◆ Dataset extract:
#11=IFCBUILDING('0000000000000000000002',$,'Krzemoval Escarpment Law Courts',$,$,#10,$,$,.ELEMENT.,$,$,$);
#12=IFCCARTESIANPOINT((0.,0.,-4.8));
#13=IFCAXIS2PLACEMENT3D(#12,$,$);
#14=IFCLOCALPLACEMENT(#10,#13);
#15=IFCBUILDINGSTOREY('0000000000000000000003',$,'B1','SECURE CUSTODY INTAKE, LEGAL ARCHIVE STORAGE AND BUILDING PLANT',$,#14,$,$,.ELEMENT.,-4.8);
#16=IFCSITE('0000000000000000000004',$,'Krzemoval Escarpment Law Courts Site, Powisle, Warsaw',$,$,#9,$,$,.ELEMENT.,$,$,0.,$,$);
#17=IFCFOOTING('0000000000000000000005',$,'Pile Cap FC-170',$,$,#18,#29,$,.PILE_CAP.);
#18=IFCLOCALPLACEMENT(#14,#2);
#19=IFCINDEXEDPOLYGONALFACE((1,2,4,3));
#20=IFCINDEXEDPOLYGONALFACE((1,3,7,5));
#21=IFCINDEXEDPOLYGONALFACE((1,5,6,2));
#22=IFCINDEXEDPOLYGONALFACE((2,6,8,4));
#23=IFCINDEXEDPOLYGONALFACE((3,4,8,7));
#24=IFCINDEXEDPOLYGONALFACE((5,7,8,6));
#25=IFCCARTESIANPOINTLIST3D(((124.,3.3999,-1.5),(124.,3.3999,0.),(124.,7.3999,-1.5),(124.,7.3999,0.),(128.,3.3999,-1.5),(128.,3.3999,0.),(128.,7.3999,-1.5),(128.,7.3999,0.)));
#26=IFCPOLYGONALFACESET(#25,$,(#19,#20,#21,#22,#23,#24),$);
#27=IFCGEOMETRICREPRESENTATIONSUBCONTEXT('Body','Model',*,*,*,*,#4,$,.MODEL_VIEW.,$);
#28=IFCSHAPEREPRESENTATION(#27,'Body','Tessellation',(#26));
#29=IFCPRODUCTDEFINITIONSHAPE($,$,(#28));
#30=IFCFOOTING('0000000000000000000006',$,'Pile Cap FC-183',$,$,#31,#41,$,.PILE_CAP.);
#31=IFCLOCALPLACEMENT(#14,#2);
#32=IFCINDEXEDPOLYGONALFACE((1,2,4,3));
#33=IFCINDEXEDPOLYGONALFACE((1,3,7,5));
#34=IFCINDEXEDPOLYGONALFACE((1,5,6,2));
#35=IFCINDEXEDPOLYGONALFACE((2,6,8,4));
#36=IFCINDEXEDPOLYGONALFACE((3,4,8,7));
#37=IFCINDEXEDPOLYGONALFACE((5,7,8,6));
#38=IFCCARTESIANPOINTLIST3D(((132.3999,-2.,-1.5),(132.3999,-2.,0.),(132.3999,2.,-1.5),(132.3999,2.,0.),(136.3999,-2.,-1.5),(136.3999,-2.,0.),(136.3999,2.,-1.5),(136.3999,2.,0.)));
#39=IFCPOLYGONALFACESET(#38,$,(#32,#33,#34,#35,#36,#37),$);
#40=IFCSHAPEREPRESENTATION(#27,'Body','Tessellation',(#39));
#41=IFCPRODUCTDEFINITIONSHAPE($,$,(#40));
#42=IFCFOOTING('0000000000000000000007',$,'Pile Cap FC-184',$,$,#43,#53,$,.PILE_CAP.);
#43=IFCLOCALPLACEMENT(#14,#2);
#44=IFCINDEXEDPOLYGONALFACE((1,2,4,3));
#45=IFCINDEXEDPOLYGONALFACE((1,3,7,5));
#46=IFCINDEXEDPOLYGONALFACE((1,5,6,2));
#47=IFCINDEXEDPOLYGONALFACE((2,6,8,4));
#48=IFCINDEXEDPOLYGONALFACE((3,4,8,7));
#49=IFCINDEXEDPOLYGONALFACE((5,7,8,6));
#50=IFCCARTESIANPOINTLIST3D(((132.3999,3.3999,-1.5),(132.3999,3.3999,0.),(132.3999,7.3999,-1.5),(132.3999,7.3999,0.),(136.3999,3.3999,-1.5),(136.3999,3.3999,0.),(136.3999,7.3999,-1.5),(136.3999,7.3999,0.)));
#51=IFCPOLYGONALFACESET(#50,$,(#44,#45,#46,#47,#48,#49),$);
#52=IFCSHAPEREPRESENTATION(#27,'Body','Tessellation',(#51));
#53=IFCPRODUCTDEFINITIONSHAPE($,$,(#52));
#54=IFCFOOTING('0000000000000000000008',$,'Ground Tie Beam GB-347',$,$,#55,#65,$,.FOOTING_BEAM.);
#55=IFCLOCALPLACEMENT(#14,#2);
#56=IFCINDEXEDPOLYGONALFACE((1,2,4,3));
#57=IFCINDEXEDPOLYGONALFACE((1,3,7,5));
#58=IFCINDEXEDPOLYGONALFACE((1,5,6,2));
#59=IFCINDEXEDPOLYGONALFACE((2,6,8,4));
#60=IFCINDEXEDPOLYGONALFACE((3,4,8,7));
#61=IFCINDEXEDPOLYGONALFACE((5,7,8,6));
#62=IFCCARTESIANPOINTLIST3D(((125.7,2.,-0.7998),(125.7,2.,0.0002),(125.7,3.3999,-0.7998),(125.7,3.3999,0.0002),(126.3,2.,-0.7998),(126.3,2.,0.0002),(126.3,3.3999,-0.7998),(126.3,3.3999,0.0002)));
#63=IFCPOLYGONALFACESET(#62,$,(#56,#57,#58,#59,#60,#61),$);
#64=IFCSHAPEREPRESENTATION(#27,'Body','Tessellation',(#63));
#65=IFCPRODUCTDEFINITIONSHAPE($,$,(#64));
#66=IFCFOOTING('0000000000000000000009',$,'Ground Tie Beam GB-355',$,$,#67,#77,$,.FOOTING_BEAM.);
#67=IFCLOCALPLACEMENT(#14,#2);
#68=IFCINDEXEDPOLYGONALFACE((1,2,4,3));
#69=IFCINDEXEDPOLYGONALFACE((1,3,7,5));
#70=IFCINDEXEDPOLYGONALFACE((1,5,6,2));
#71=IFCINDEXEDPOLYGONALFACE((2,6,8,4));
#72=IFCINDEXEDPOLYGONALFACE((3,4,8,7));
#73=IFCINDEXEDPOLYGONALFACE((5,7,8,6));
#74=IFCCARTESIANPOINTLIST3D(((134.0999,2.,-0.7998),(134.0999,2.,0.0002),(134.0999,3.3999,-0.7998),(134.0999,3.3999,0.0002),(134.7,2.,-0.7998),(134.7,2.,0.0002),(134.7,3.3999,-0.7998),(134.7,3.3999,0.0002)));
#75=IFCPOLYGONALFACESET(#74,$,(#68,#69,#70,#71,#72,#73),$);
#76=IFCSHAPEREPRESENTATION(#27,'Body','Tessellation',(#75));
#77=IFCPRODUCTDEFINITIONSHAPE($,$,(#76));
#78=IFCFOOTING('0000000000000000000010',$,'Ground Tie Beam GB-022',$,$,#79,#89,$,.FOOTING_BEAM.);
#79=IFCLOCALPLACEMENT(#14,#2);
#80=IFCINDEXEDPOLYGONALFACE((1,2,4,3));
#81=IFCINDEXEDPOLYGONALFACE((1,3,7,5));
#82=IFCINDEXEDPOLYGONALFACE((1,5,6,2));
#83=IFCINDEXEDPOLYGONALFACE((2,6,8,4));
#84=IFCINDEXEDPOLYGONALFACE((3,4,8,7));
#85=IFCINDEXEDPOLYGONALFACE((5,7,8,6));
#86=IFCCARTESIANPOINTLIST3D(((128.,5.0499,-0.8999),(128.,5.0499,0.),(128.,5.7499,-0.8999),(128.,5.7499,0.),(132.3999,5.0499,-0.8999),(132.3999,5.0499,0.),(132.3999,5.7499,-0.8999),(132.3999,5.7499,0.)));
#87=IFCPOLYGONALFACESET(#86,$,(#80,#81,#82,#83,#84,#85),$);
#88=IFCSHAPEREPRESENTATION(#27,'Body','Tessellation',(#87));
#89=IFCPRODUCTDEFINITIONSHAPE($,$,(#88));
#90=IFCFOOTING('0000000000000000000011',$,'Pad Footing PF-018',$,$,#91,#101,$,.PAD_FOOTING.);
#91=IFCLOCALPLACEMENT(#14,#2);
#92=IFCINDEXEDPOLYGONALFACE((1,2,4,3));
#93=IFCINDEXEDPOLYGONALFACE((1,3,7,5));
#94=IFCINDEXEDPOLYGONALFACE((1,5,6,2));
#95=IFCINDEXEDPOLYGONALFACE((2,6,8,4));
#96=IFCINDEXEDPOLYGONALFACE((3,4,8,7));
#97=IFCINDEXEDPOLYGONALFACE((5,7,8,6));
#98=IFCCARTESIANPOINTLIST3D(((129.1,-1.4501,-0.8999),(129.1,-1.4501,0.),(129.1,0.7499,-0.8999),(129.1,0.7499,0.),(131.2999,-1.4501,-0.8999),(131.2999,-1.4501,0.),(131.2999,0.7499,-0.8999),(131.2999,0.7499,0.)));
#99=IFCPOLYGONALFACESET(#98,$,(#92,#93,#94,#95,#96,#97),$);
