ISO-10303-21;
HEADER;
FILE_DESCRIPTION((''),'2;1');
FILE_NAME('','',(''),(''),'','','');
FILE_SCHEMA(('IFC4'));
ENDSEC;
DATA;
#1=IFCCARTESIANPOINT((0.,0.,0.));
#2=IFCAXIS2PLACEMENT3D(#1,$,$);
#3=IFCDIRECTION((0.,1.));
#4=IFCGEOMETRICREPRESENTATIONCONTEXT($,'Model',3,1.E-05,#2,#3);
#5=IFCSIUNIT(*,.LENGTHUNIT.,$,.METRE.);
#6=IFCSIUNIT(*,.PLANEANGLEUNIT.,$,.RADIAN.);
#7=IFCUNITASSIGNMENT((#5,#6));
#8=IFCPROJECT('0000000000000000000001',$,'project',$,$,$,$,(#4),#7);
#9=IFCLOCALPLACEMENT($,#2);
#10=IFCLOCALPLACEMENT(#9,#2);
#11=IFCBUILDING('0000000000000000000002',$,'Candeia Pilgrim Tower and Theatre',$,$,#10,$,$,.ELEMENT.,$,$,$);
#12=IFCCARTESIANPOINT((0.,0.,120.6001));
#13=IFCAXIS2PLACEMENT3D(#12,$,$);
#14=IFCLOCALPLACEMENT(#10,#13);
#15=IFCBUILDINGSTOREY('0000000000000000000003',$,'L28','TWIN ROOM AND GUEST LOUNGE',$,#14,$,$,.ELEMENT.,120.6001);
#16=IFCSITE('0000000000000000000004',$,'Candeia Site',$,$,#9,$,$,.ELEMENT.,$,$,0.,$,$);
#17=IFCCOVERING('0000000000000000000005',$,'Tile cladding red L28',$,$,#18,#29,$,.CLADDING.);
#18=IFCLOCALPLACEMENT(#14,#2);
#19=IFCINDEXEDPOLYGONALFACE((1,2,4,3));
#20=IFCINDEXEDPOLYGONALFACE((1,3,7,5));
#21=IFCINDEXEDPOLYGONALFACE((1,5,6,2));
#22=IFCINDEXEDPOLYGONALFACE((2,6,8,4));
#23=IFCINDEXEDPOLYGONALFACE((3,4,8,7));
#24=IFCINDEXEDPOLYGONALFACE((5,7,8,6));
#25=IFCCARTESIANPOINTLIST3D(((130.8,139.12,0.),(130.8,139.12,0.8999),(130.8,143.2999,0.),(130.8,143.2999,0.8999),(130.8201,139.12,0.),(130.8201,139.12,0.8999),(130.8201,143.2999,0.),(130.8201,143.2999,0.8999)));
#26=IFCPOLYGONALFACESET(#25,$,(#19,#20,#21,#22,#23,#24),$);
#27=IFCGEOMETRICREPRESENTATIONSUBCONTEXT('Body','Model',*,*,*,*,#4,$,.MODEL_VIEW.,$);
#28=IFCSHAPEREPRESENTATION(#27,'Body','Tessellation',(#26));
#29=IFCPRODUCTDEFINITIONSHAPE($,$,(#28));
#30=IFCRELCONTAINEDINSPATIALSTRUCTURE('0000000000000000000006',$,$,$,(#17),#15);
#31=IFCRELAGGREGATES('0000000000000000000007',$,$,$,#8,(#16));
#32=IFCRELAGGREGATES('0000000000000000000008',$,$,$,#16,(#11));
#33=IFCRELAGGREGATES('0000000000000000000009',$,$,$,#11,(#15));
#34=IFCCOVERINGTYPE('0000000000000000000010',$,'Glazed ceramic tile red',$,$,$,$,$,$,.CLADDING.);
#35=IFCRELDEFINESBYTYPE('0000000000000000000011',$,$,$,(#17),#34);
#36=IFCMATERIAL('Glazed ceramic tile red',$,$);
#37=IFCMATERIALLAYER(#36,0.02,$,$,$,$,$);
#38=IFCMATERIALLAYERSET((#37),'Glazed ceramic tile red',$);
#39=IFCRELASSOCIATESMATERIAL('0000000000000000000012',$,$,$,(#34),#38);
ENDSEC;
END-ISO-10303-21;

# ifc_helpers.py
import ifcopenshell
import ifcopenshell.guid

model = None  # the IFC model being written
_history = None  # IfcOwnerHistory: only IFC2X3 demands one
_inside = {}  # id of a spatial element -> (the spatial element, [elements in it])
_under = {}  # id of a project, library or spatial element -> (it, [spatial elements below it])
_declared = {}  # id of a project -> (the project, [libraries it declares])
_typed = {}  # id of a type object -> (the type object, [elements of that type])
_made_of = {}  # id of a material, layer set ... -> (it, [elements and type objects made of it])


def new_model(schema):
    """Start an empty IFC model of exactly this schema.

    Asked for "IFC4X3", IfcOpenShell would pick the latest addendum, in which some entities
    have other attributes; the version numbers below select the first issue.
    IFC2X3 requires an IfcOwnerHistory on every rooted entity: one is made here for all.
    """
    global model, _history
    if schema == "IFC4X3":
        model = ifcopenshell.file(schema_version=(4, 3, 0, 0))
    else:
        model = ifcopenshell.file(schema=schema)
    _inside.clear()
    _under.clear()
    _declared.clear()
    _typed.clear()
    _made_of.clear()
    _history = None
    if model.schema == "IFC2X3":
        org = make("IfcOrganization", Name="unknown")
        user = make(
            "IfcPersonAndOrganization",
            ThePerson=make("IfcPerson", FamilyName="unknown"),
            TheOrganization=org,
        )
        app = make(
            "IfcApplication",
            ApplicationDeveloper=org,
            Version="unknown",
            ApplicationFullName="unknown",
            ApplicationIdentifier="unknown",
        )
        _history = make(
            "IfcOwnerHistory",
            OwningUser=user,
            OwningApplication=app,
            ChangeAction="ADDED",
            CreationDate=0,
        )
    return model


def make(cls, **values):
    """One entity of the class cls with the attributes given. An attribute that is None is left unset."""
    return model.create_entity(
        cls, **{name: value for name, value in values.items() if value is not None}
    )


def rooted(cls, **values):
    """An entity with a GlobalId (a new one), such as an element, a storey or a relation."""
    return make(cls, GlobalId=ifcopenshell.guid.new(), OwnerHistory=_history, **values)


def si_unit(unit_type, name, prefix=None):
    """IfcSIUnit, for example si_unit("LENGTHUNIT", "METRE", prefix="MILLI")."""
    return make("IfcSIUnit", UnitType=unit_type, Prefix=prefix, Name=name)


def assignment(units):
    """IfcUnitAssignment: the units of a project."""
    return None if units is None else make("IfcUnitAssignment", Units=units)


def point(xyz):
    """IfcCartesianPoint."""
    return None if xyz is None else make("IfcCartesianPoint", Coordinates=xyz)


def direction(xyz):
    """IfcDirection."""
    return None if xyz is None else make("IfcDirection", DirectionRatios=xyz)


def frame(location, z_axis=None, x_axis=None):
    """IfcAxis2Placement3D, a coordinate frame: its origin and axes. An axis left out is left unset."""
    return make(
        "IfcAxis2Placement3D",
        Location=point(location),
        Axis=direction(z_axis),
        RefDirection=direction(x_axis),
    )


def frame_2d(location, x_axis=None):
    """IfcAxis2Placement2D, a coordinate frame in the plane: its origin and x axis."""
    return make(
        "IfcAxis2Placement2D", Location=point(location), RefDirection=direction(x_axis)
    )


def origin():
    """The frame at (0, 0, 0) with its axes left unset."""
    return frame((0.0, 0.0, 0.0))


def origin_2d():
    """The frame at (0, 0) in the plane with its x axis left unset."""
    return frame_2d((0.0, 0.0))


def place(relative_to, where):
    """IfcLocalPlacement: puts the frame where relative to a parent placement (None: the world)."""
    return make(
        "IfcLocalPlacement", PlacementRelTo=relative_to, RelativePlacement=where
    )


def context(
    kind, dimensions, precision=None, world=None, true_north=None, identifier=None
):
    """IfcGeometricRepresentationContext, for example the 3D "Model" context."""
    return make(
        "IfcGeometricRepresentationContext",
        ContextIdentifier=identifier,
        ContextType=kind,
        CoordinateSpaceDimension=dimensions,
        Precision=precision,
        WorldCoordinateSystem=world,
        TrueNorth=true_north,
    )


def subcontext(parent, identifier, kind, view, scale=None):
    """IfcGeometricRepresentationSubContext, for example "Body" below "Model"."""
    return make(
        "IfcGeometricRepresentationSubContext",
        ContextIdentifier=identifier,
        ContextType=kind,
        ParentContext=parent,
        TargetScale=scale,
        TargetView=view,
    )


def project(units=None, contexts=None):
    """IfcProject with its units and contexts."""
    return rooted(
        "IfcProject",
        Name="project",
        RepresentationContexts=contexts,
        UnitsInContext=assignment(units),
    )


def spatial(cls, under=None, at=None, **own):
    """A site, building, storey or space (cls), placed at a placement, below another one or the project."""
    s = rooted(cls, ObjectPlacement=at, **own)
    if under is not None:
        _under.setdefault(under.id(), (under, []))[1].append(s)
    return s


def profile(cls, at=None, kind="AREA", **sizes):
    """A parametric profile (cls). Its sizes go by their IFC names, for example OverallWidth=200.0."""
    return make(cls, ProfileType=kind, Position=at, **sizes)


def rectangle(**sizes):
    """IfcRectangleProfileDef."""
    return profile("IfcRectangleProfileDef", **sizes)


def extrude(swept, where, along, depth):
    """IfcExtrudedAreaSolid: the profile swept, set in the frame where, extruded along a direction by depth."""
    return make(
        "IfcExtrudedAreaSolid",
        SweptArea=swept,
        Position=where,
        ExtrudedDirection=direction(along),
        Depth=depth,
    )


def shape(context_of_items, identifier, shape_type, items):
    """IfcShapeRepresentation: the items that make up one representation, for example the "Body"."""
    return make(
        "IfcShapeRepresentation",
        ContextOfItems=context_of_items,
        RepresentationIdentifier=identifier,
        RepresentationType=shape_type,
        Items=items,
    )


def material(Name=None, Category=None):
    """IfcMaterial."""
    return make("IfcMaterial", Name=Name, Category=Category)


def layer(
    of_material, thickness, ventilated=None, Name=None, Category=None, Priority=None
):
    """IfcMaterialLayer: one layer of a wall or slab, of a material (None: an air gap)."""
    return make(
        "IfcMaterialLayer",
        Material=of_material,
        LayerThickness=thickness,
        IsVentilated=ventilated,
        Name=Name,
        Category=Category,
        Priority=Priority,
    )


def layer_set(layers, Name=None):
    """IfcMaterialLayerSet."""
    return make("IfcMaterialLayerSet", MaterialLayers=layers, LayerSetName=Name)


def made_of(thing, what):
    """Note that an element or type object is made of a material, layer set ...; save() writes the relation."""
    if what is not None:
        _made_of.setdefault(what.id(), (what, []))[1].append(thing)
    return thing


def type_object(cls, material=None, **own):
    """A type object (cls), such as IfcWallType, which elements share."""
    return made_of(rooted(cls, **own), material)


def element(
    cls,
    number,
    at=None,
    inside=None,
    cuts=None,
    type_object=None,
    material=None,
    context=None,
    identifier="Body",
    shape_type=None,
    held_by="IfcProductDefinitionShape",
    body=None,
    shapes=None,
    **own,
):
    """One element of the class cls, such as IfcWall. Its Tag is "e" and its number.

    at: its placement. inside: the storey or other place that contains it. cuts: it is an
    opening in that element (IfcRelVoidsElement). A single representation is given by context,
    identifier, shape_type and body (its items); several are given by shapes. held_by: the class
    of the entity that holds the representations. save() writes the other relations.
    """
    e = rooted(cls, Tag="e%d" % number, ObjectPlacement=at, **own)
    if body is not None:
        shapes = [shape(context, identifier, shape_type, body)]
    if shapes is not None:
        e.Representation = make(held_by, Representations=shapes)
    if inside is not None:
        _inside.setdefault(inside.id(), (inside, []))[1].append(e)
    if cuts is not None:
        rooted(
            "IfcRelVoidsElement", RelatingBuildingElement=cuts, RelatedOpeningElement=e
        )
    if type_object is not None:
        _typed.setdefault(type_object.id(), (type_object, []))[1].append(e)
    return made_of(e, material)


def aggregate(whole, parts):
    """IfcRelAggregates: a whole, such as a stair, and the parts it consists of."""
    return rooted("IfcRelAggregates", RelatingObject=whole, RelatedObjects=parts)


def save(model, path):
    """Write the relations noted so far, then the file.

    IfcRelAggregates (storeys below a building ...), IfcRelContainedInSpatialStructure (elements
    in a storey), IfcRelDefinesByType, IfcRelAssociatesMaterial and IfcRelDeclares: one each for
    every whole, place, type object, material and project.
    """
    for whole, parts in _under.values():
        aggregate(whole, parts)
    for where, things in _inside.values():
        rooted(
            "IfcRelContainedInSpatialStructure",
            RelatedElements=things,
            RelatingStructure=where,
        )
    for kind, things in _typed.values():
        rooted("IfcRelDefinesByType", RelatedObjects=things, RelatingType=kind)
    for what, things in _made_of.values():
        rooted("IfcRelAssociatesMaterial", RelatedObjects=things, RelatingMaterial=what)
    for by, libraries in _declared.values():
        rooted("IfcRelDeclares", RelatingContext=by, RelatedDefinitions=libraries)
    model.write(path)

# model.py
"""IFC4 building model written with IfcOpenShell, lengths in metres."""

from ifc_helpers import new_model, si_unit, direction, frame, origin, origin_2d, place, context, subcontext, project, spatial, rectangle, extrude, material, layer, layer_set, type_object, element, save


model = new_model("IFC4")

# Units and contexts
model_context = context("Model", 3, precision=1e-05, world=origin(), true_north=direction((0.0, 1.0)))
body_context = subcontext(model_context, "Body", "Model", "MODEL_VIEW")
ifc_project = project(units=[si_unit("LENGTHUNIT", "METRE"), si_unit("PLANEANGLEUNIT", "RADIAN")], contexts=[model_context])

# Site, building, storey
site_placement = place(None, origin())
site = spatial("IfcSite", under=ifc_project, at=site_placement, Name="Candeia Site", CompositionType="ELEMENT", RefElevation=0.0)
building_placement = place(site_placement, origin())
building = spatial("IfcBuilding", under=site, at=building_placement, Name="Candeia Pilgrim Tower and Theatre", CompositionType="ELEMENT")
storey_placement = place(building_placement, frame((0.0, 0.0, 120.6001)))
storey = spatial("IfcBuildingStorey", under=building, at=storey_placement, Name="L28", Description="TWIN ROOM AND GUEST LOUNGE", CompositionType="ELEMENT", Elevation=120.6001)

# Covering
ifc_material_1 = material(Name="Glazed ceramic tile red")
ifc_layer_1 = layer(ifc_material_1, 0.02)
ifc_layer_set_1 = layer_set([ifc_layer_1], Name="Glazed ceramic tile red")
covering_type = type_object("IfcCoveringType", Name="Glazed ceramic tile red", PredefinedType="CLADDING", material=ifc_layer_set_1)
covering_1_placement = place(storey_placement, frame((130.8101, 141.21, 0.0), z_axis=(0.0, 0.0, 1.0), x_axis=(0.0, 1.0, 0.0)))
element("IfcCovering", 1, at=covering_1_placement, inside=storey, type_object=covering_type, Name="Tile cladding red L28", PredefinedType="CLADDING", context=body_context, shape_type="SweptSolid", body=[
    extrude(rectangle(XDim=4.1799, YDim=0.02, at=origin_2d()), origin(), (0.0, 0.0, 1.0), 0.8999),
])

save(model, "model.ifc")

◆ Prompt:
In the records above, how many lines hold the string "RelatedObjects"? Reply with only the number.

◆ Result:
3